===== Material for this task =====
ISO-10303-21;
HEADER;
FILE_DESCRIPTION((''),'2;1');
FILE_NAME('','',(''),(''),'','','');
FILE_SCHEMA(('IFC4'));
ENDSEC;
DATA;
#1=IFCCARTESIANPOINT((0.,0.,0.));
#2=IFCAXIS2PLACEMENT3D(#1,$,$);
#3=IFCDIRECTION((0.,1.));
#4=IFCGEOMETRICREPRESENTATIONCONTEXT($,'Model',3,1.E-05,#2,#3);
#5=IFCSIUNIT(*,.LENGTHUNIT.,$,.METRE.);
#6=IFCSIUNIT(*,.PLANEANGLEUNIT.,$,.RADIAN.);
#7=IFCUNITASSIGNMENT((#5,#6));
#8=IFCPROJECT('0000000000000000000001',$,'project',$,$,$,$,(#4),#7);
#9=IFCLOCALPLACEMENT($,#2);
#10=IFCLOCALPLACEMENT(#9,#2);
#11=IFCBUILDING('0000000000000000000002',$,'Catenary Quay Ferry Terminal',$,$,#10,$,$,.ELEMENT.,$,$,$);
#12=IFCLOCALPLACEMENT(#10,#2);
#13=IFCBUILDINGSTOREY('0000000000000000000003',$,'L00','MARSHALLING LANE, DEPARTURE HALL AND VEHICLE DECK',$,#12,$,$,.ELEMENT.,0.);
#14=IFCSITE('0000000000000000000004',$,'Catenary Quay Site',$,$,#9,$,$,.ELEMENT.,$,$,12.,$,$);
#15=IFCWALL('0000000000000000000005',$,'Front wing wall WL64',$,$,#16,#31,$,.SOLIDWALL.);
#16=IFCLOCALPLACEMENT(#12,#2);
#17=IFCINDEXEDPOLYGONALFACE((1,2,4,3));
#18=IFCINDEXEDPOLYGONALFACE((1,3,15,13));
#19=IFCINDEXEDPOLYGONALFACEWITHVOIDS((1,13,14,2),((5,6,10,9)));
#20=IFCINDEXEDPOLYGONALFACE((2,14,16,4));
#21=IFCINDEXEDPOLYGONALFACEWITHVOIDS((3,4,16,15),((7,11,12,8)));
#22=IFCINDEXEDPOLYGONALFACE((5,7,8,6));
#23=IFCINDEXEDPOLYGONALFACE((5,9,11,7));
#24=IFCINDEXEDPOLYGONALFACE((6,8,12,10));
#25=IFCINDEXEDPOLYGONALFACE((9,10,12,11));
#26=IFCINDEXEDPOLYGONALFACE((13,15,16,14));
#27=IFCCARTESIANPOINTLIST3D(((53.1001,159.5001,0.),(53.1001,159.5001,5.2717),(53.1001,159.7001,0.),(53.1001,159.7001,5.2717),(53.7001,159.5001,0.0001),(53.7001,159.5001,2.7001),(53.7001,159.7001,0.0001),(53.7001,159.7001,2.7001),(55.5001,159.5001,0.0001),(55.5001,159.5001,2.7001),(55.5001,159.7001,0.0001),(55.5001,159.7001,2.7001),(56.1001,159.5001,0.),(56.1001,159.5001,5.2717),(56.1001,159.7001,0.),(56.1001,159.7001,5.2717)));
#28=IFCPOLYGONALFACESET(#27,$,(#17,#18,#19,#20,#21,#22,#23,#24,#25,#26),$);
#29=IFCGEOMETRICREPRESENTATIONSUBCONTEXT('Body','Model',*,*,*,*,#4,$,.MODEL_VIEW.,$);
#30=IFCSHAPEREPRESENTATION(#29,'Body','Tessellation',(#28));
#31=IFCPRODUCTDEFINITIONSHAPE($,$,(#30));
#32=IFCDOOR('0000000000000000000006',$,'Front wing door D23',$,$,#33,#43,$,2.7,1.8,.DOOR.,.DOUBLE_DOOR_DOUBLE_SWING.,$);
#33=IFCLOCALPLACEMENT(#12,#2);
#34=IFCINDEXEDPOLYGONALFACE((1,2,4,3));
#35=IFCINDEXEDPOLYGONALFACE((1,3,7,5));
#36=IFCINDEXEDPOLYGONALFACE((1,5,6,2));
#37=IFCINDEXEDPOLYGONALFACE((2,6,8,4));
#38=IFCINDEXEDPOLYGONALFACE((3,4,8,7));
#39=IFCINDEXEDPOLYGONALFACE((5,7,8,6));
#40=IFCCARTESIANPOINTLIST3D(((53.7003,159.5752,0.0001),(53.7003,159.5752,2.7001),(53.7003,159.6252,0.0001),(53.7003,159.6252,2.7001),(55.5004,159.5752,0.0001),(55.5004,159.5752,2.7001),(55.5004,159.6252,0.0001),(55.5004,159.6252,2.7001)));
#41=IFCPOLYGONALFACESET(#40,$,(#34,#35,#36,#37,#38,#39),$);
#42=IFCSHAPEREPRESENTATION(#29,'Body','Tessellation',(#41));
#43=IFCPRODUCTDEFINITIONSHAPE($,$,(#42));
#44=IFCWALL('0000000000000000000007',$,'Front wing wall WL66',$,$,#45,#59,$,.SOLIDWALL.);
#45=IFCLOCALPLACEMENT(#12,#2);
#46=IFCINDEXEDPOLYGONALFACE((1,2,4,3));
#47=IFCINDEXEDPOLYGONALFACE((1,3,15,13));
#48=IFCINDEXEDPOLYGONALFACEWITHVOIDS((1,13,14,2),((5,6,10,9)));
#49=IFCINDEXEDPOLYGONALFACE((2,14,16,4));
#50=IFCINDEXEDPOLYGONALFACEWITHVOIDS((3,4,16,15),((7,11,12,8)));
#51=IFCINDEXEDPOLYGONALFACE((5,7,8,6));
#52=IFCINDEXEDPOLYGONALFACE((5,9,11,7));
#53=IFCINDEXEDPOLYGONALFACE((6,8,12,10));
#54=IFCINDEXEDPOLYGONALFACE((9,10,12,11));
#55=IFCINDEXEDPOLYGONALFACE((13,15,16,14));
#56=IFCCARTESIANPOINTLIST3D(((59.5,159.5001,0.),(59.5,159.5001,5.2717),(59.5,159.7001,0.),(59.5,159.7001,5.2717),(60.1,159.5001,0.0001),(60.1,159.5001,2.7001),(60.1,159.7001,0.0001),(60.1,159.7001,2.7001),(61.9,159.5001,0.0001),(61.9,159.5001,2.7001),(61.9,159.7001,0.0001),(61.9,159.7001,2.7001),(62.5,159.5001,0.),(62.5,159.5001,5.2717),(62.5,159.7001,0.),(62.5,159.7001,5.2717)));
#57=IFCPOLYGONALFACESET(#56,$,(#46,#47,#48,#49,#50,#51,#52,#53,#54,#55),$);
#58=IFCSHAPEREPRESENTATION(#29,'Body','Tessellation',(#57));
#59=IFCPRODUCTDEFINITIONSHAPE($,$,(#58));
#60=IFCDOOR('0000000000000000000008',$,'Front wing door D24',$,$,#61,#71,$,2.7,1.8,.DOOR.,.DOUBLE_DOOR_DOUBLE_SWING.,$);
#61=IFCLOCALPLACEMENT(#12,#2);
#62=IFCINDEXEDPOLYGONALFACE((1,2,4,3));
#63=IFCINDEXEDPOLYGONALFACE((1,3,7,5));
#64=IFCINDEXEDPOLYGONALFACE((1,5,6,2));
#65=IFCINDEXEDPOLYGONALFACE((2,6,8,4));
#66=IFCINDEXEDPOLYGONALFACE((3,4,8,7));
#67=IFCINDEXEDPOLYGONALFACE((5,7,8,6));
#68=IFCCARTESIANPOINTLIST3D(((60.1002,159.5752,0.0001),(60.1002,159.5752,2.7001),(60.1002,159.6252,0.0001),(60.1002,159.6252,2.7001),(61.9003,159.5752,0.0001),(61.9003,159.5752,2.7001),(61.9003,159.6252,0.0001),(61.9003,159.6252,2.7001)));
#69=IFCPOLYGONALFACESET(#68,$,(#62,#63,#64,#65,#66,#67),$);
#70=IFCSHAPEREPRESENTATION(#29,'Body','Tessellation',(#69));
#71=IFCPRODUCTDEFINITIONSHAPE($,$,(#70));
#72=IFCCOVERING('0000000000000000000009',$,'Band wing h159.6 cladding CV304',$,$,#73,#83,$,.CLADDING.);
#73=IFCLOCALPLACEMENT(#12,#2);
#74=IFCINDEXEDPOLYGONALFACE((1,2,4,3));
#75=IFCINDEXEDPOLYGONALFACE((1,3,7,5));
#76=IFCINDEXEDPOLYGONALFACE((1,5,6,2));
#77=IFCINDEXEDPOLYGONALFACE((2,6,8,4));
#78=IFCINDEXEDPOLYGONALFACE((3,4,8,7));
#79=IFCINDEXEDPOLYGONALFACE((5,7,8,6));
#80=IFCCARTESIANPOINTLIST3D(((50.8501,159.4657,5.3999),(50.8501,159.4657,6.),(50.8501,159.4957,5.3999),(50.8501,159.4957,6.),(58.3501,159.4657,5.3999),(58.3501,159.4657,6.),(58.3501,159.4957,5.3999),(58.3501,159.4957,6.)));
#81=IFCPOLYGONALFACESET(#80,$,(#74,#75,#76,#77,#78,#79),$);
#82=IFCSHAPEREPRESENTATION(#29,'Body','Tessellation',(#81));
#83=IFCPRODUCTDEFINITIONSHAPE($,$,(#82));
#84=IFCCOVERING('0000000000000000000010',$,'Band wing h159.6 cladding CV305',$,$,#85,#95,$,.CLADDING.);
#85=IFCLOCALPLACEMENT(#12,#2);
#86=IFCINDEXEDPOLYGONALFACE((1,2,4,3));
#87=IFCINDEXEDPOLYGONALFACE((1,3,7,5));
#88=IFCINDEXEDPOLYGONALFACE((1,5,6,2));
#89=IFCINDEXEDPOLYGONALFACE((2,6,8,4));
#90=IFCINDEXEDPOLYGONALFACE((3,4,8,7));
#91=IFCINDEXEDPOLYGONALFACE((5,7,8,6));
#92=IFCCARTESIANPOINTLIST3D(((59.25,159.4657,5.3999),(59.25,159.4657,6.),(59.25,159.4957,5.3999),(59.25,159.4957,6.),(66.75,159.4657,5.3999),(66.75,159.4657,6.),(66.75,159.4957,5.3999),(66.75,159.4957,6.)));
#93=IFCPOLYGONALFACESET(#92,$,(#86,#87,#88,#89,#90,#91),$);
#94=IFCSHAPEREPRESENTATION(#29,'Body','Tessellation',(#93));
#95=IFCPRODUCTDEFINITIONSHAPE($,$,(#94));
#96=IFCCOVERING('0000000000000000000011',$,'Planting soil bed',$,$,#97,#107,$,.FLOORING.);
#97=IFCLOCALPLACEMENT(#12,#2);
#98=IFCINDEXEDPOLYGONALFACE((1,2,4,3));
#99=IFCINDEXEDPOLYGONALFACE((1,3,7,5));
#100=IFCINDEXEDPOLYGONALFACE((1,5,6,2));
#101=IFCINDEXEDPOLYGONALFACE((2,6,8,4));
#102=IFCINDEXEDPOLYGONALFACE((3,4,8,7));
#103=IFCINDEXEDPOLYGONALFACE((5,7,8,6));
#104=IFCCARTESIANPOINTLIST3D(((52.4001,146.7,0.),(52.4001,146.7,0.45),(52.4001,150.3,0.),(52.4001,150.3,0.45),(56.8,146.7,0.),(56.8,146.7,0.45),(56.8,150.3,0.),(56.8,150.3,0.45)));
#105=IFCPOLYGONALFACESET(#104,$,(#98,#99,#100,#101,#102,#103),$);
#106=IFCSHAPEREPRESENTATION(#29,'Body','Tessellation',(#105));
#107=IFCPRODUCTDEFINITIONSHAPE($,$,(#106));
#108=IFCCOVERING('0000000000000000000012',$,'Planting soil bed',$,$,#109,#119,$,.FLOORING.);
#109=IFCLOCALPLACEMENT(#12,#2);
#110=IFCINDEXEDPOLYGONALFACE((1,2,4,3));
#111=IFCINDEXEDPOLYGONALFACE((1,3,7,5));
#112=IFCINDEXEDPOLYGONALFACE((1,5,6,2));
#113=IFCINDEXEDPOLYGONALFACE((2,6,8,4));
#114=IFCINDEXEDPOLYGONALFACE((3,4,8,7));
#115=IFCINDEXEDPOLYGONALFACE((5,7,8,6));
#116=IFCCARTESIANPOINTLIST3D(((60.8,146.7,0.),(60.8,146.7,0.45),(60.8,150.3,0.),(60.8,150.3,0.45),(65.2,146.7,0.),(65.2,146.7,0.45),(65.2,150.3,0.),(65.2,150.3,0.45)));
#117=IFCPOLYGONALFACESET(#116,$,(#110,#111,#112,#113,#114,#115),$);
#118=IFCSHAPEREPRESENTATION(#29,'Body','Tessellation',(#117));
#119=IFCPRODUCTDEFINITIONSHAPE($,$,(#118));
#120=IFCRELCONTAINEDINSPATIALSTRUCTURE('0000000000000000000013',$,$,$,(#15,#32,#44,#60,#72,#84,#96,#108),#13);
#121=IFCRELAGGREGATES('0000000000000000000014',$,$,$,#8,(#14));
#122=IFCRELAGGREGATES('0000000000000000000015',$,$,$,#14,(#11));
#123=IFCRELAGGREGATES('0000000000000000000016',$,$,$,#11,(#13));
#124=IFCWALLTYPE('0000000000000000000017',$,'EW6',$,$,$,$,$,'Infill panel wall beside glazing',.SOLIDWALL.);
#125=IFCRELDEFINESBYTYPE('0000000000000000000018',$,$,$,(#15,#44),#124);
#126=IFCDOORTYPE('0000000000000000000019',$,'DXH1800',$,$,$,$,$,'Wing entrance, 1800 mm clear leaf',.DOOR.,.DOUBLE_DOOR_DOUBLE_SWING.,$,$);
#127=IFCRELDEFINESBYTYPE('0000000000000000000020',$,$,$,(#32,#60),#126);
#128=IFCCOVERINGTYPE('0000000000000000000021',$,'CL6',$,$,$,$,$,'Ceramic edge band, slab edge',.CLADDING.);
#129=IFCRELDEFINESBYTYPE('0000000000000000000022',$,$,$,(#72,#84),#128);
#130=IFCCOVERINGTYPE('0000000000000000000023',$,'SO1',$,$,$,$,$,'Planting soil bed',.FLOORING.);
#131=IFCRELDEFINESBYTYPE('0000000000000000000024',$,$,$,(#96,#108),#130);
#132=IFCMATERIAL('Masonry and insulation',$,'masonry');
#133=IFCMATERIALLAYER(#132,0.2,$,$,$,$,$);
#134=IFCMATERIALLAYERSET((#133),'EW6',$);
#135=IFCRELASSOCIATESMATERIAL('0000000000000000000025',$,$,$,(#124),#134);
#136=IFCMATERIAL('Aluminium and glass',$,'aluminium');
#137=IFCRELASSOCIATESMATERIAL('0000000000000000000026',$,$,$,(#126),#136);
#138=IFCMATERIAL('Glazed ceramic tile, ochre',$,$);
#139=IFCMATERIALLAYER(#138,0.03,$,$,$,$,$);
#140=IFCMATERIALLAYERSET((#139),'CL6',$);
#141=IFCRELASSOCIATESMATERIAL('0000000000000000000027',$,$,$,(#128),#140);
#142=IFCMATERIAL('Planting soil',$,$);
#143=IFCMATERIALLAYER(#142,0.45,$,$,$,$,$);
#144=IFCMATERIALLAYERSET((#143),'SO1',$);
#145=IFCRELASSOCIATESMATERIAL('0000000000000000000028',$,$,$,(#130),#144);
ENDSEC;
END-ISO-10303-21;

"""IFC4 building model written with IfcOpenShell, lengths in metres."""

from ifc_helpers import new_model, si_unit, direction, frame, frame_2d, origin, origin_2d, place, context, subcontext, project, spatial, rectangle, extrude, material, layer, layer_set, type_object, element, fill, save


model = new_model("IFC4")

# Units and contexts
model_context = context("Model", 3, precision=1e-05, world=origin(), true_north=direction((0.0, 1.0)))
body_context = subcontext(model_context, "Body", "Model", "MODEL_VIEW")
ifc_project = project(units=[si_unit("LENGTHUNIT", "METRE"), si_unit("PLANEANGLEUNIT", "RADIAN")], contexts=[model_context])

# Site, building, storey
site_placement = place(None, origin())
site = spatial("IfcSite", under=ifc_project, at=site_placement, Name="Catenary Quay Site", CompositionType="ELEMENT", RefElevation=12.0)
building_placement = place(site_placement, origin())
building = spatial("IfcBuilding", under=site, at=building_placement, Name="Catenary Quay Ferry Terminal", CompositionType="ELEMENT")
storey_placement = place(building_placement, origin())
storey = spatial("IfcBuildingStorey", under=building, at=storey_placement, Name="L00", Description="MARSHALLING LANE, DEPARTURE HALL AND VEHICLE DECK", CompositionType="ELEMENT", Elevation=0.0)

# Walls, openings, doors
ifc_material_1 = material(Name="Masonry and insulation", Category="masonry")
ifc_layer_1 = layer(ifc_material_1, 0.2)
ifc_layer_set_1 = layer_set([ifc_layer_1], Name="EW6")
wall_type_1 = type_object("IfcWallType", Name="EW6", ElementType="Infill panel wall beside glazing", PredefinedType="SOLIDWALL", material=ifc_layer_set_1)
wall_1_placement = place(storey_placement, frame((53.1001, 159.6001, 0.0), z_axis=(0.0, 0.0, 1.0), x_axis=(1.0, 0.0, 0.0)))
wall_1 = element("IfcWall", 1, at=wall_1_placement, inside=storey, type_object=wall_type_1, Name="Front wing wall WL64", PredefinedType="SOLIDWALL", context=body_context, shape_type="SweptSolid", body=[
    extrude(rectangle(XDim=3.0, YDim=0.2, at=frame_2d((1.5, 0.0))), origin(), (0.0, 0.0, 1.0), 5.2717),
])
opening_1_placement = place(wall_1_placement, frame((0.6001, 0.0, 0.0)))
opening_1 = element("IfcOpeningElement", 2, at=opening_1_placement, cuts=wall_1, PredefinedType="OPENING", context=body_context, shape_type="SweptSolid", body=[
    extrude(rectangle(XDim=1.8, YDim=2.7, at=frame_2d((0.8999, 1.3501))), frame((0.0, 0.1099, 0.0), z_axis=(0.0, -1.0, 0.0), x_axis=(1.0, 0.0, 0.0)), (0.0, 0.0, 1.0), 0.22),
])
=====
- Exercise description:
Check all the records above and select each line where the string "IFCRELAGGREGATES" is found.

- Answer area:
#121=IFCRELAGGREGATES('0000000000000000000014',$,$,$,#8,(#14));
#122=IFCRELAGGREGATES('0000000000000000000015',$,$,$,#14,(#11));
#123=IFCRELAGGREGATES('0000000000000000000016',$,$,$,#11,(#13));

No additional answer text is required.